--- Entries provided ---

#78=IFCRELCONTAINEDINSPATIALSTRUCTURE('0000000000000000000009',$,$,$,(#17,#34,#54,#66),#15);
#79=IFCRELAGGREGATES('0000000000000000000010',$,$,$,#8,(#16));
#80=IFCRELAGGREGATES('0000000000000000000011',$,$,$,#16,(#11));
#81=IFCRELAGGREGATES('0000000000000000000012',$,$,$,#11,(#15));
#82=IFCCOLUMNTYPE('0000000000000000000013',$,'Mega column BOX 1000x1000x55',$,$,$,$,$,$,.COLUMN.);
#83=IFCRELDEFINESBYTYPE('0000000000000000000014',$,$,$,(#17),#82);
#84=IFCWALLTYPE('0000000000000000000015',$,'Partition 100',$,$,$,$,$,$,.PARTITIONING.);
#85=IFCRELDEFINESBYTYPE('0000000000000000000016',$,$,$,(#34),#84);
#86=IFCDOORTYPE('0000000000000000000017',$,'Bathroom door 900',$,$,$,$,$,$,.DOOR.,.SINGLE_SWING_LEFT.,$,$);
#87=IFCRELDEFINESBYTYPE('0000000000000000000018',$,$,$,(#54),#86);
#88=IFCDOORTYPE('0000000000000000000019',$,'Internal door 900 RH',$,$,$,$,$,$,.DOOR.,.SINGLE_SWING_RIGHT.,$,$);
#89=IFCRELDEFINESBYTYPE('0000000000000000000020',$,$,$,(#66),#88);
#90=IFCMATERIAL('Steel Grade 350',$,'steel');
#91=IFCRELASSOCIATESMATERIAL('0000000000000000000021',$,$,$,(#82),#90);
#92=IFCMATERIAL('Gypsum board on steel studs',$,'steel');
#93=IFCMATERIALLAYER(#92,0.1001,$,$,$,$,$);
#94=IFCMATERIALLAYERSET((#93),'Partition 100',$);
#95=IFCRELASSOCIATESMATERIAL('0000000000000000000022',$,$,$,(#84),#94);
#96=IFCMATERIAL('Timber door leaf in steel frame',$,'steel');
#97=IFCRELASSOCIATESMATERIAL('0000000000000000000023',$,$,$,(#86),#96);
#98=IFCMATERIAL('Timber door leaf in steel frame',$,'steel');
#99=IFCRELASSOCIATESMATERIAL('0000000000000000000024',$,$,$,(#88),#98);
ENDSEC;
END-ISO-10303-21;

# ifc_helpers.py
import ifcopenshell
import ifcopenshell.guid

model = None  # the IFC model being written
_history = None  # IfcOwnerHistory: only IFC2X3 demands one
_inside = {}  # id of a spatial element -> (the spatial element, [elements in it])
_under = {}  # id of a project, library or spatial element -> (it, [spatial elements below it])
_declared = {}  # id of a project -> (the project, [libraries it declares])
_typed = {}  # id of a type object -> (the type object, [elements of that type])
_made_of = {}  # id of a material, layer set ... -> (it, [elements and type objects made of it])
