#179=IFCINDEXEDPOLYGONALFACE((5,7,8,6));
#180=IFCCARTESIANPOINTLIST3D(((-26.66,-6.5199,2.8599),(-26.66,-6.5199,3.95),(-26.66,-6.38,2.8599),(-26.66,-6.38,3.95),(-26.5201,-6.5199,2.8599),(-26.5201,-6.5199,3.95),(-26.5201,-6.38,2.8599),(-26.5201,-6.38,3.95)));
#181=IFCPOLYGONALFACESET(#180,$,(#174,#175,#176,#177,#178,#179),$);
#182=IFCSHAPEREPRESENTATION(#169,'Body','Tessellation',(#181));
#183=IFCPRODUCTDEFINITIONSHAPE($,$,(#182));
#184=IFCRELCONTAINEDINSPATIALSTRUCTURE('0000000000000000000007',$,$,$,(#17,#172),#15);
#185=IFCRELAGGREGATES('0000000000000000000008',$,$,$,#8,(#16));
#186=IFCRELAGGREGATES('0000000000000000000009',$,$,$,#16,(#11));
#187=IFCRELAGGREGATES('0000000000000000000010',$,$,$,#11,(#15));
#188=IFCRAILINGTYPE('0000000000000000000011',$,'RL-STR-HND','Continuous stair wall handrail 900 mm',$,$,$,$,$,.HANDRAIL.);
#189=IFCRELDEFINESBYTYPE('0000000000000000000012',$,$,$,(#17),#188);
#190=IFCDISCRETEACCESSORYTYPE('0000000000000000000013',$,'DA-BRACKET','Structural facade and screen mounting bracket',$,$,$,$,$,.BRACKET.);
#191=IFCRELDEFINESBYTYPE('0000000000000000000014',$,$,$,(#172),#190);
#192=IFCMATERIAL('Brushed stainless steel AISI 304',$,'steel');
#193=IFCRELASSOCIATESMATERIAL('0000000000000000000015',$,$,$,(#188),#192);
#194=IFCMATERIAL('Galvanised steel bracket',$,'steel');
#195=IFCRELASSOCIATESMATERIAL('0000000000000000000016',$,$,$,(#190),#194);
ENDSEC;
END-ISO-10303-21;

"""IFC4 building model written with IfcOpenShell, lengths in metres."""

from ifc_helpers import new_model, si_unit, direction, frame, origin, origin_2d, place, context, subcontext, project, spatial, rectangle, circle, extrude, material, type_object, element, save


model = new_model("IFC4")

---

What you have to do: Some of the data mentions "None". Copy every line where it does.

Exercise solution:
model = None  # the IFC model being written
_history = None  # IfcOwnerHistory: only IFC2X3 demands one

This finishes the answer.